Pick each line containing "Upper" out of the records.
[Supplied records]
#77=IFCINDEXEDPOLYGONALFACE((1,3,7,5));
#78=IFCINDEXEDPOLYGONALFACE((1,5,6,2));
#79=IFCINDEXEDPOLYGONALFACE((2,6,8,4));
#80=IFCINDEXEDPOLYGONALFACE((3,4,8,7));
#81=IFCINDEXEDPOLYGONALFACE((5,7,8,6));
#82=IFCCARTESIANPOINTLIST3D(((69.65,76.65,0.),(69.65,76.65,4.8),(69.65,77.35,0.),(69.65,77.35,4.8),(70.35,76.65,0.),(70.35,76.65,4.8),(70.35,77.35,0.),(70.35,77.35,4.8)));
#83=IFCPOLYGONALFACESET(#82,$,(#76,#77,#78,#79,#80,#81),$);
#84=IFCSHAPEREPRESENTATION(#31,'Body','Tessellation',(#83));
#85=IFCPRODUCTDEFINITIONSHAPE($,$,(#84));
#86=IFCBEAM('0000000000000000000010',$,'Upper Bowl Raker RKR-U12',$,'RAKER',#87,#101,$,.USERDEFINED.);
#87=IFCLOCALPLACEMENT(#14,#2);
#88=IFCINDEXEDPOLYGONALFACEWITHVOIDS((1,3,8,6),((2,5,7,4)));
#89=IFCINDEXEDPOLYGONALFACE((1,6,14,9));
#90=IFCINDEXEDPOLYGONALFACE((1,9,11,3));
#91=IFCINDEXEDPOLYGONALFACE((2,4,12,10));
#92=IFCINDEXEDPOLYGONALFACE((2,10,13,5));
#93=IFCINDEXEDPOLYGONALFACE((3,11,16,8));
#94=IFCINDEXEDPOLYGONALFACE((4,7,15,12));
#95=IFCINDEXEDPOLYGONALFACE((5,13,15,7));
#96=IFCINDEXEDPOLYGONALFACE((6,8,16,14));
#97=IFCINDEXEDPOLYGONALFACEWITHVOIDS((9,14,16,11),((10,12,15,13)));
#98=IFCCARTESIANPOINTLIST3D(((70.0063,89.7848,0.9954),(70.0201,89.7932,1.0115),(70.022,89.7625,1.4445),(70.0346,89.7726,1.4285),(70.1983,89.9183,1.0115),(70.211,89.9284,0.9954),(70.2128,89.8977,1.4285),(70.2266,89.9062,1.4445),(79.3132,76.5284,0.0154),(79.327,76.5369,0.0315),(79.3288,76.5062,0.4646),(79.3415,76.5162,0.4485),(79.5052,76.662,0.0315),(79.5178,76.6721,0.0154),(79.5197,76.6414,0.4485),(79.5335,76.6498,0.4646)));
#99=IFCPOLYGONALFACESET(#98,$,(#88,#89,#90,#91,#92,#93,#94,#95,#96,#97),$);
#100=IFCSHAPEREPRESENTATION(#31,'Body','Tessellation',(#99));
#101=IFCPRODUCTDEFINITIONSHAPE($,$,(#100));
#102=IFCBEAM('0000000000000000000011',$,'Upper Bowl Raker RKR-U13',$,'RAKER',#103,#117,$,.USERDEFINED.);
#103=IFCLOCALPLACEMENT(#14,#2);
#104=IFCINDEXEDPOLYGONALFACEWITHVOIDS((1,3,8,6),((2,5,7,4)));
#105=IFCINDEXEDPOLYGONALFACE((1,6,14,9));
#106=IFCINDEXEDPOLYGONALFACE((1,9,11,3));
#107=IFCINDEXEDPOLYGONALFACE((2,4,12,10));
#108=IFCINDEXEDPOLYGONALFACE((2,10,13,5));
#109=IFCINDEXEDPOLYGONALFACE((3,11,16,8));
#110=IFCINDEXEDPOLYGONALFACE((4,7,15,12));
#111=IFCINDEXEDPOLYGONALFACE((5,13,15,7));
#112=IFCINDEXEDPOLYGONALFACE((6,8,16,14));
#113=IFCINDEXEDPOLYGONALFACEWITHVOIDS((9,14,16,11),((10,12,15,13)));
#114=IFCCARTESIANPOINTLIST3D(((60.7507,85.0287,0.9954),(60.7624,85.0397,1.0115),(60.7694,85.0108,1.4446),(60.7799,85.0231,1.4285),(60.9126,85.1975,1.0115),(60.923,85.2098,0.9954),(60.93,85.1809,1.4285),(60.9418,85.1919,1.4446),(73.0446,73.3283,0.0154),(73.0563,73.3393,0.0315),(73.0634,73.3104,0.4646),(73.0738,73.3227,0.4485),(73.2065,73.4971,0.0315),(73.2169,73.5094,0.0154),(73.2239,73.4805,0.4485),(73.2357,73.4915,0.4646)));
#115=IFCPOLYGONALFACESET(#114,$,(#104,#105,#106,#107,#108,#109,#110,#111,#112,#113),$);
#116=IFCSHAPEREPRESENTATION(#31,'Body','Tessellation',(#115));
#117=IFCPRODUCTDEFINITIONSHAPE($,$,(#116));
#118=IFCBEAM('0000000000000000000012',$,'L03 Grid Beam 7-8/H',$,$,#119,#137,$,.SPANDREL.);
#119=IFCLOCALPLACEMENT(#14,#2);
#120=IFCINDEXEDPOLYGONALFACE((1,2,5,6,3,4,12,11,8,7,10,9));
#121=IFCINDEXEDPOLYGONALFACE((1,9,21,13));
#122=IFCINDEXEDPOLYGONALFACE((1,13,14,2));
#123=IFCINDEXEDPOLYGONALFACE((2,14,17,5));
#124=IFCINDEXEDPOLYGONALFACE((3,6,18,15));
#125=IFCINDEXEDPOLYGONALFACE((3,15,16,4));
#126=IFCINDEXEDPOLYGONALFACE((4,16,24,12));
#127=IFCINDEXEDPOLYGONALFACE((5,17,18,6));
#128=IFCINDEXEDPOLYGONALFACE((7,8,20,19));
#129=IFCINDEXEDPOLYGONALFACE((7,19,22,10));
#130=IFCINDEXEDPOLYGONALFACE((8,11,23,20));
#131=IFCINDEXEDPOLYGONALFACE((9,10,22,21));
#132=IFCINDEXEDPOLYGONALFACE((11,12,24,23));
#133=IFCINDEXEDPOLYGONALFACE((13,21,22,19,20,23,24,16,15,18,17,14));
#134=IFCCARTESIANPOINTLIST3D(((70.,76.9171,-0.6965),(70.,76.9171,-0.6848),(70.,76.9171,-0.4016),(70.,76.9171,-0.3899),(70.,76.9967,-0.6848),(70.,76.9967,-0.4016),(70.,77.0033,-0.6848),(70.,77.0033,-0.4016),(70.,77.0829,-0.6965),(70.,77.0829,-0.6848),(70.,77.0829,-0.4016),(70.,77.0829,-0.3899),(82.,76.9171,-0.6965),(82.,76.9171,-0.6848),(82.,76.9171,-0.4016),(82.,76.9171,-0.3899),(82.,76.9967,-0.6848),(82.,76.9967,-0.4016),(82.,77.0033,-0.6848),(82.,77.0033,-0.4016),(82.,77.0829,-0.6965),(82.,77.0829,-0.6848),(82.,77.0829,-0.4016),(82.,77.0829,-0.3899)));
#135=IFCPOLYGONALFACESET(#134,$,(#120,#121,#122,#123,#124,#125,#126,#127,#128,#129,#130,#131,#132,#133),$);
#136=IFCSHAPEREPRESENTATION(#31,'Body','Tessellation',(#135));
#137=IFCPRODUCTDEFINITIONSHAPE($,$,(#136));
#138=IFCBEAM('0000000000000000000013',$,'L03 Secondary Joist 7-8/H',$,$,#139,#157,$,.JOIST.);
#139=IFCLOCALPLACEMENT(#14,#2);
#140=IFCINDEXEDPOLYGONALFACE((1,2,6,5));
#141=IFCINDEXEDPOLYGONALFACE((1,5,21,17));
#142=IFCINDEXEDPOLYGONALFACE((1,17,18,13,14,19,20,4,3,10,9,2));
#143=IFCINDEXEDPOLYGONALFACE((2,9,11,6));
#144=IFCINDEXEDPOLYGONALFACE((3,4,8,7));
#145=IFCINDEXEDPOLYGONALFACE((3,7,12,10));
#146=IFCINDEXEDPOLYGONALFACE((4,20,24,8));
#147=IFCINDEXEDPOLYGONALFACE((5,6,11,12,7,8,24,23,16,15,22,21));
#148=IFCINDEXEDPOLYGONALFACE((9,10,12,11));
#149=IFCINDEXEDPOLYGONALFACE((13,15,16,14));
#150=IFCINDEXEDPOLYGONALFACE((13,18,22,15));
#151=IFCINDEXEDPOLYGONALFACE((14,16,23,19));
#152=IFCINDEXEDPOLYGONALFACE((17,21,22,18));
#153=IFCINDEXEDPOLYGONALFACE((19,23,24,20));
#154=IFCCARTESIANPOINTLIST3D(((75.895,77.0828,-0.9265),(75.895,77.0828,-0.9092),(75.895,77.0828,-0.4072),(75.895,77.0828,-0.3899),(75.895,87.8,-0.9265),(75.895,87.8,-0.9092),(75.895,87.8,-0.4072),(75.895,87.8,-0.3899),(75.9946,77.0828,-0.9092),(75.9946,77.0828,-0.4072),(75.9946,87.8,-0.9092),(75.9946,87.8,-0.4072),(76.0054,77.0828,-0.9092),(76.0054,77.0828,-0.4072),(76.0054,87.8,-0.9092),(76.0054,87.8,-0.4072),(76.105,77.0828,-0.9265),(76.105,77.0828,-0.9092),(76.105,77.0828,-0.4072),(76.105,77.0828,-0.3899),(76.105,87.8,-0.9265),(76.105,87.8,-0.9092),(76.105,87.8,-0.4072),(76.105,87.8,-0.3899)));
[/Supplied records]
[Task output]
#86=IFCBEAM('0000000000000000000010',$,'Upper Bowl Raker RKR-U12',$,'RAKER',#87,#101,$,.USERDEFINED.);
#102=IFCBEAM('0000000000000000000011',$,'Upper Bowl Raker RKR-U13',$,'RAKER',#103,#117,$,.USERDEFINED.);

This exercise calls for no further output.